- _WHAT YOU NEED TO DO_
Without changing anything, set down every line shown below.

- _Saved data entries_
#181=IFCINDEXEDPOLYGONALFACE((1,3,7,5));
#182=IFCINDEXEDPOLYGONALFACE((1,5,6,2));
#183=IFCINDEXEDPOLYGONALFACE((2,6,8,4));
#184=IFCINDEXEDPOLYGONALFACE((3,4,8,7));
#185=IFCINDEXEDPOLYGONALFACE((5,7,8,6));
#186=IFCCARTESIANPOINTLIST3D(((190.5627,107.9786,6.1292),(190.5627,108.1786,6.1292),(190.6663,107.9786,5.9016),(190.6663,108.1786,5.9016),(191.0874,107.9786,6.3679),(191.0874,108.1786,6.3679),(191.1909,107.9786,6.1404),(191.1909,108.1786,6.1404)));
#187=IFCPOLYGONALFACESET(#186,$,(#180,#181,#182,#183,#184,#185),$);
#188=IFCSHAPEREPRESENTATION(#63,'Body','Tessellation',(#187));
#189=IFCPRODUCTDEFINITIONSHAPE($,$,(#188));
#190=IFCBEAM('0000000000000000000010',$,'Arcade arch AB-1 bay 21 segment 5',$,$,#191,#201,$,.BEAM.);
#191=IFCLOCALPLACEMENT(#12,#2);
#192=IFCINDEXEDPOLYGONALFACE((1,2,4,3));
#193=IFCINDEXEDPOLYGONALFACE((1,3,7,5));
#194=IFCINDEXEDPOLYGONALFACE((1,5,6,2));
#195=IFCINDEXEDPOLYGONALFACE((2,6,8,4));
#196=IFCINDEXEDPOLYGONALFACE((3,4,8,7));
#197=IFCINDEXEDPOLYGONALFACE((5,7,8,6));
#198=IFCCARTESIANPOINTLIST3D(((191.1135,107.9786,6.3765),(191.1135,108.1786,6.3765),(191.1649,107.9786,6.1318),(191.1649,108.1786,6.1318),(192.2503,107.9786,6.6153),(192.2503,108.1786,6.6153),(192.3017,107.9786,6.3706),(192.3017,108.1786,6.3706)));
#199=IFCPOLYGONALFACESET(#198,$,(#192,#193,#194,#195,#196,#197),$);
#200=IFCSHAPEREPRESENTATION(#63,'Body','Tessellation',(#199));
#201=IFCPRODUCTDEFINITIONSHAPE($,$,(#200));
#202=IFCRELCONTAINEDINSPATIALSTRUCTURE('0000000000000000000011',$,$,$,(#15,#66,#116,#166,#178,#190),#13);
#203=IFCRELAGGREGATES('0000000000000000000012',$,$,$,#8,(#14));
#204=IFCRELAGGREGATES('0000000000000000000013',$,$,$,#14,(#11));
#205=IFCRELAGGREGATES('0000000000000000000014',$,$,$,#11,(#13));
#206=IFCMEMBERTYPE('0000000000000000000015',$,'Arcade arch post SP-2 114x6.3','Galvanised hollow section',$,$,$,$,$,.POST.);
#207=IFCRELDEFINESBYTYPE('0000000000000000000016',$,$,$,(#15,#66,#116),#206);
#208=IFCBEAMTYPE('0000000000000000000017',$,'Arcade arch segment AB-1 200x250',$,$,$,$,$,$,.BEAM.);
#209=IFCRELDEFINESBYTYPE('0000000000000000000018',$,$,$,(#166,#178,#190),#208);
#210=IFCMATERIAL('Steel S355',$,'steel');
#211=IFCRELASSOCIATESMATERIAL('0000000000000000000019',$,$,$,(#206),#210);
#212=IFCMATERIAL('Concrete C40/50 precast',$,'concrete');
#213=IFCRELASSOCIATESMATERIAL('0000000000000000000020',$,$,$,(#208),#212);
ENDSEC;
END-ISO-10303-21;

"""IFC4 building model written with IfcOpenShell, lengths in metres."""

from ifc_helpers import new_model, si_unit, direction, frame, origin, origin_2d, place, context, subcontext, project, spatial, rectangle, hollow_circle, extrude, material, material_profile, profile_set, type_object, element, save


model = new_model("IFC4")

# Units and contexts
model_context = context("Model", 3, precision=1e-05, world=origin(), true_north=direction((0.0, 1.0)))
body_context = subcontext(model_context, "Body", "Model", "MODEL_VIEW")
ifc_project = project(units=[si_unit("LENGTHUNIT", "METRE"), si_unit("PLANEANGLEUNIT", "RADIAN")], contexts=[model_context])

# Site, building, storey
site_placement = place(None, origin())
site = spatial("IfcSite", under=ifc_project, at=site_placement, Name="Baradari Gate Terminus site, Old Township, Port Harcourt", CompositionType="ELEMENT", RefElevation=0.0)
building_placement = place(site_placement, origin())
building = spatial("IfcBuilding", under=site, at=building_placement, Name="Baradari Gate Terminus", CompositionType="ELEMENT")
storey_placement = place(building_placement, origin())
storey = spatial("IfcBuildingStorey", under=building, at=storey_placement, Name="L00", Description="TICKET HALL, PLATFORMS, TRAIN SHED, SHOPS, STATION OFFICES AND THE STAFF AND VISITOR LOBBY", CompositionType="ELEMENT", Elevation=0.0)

- _SOLUTION FOR THIS TASK_
#181=IFCINDEXEDPOLYGONALFACE((1,3,7,5));
#182=IFCINDEXEDPOLYGONALFACE((1,5,6,2));
#183=IFCINDEXEDPOLYGONALFACE((2,6,8,4));
#184=IFCINDEXEDPOLYGONALFACE((3,4,8,7));
#185=IFCINDEXEDPOLYGONALFACE((5,7,8,6));
#186=IFCCARTESIANPOINTLIST3D(((190.5627,107.9786,6.1292),(190.5627,108.1786,6.1292),(190.6663,107.9786,5.9016),(190.6663,108.1786,5.9016),(191.0874,107.9786,6.3679),(191.0874,108.1786,6.3679),(191.1909,107.9786,6.1404),(191.1909,108.1786,6.1404)));
#187=IFCPOLYGONALFACESET(#186,$,(#180,#181,#182,#183,#184,#185),$);
#188=IFCSHAPEREPRESENTATION(#63,'Body','Tessellation',(#187));
#189=IFCPRODUCTDEFINITIONSHAPE($,$,(#188));
#190=IFCBEAM('0000000000000000000010',$,'Arcade arch AB-1 bay 21 segment 5',$,$,#191,#201,$,.BEAM.);
#191=IFCLOCALPLACEMENT(#12,#2);
#192=IFCINDEXEDPOLYGONALFACE((1,2,4,3));
#193=IFCINDEXEDPOLYGONALFACE((1,3,7,5));
#194=IFCINDEXEDPOLYGONALFACE((1,5,6,2));
#195=IFCINDEXEDPOLYGONALFACE((2,6,8,4));
#196=IFCINDEXEDPOLYGONALFACE((3,4,8,7));
#197=IFCINDEXEDPOLYGONALFACE((5,7,8,6));
#198=IFCCARTESIANPOINTLIST3D(((191.1135,107.9786,6.3765),(191.1135,108.1786,6.3765),(191.1649,107.9786,6.1318),(191.1649,108.1786,6.1318),(192.2503,107.9786,6.6153),(192.2503,108.1786,6.6153),(192.3017,107.9786,6.3706),(192.3017,108.1786,6.3706)));
#199=IFCPOLYGONALFACESET(#198,$,(#192,#193,#194,#195,#196,#197),$);
#200=IFCSHAPEREPRESENTATION(#63,'Body','Tessellation',(#199));
#201=IFCPRODUCTDEFINITIONSHAPE($,$,(#200));
#202=IFCRELCONTAINEDINSPATIALSTRUCTURE('0000000000000000000011',$,$,$,(#15,#66,#116,#166,#178,#190),#13);
#203=IFCRELAGGREGATES('0000000000000000000012',$,$,$,#8,(#14));
#204=IFCRELAGGREGATES('0000000000000000000013',$,$,$,#14,(#11));
#205=IFCRELAGGREGATES('0000000000000000000014',$,$,$,#11,(#13));
#206=IFCMEMBERTYPE('0000000000000000000015',$,'Arcade arch post SP-2 114x6.3','Galvanised hollow section',$,$,$,$,$,.POST.);
#207=IFCRELDEFINESBYTYPE('0000000000000000000016',$,$,$,(#15,#66,#116),#206);
#208=IFCBEAMTYPE('0000000000000000000017',$,'Arcade arch segment AB-1 200x250',$,$,$,$,$,$,.BEAM.);
#209=IFCRELDEFINESBYTYPE('0000000000000000000018',$,$,$,(#166,#178,#190),#208);
#210=IFCMATERIAL('Steel S355',$,'steel');
#211=IFCRELASSOCIATESMATERIAL('0000000000000000000019',$,$,$,(#206),#210);
#212=IFCMATERIAL('Concrete C40/50 precast',$,'concrete');
#213=IFCRELASSOCIATESMATERIAL('0000000000000000000020',$,$,$,(#208),#212);
ENDSEC;
END-ISO-10303-21;

"""IFC4 building model written with IfcOpenShell, lengths in metres."""

from ifc_helpers import new_model, si_unit, direction, frame, origin, origin_2d, place, context, subcontext, project, spatial, rectangle, hollow_circle, extrude, material, material_profile, profile_set, type_object, element, save


model = new_model("IFC4")

# Units and contexts
model_context = context("Model", 3, precision=1e-05, world=origin(), true_north=direction((0.0, 1.0)))
body_context = subcontext(model_context, "Body", "Model", "MODEL_VIEW")
ifc_project = project(units=[si_unit("LENGTHUNIT", "METRE"), si_unit("PLANEANGLEUNIT", "RADIAN")], contexts=[model_context])

# Site, building, storey
site_placement = place(None, origin())
site = spatial("IfcSite", under=ifc_project, at=site_placement, Name="Baradari Gate Terminus site, Old Township, Port Harcourt", CompositionType="ELEMENT", RefElevation=0.0)
building_placement = place(site_placement, origin())
building = spatial("IfcBuilding", under=site, at=building_placement, Name="Baradari Gate Terminus", CompositionType="ELEMENT")
storey_placement = place(building_placement, origin())
storey = spatial("IfcBuildingStorey", under=building, at=storey_placement, Name="L00", Description="TICKET HALL, PLATFORMS, TRAIN SHED, SHOPS, STATION OFFICES AND THE STAFF AND VISITOR LOBBY", CompositionType="ELEMENT", Elevation=0.0)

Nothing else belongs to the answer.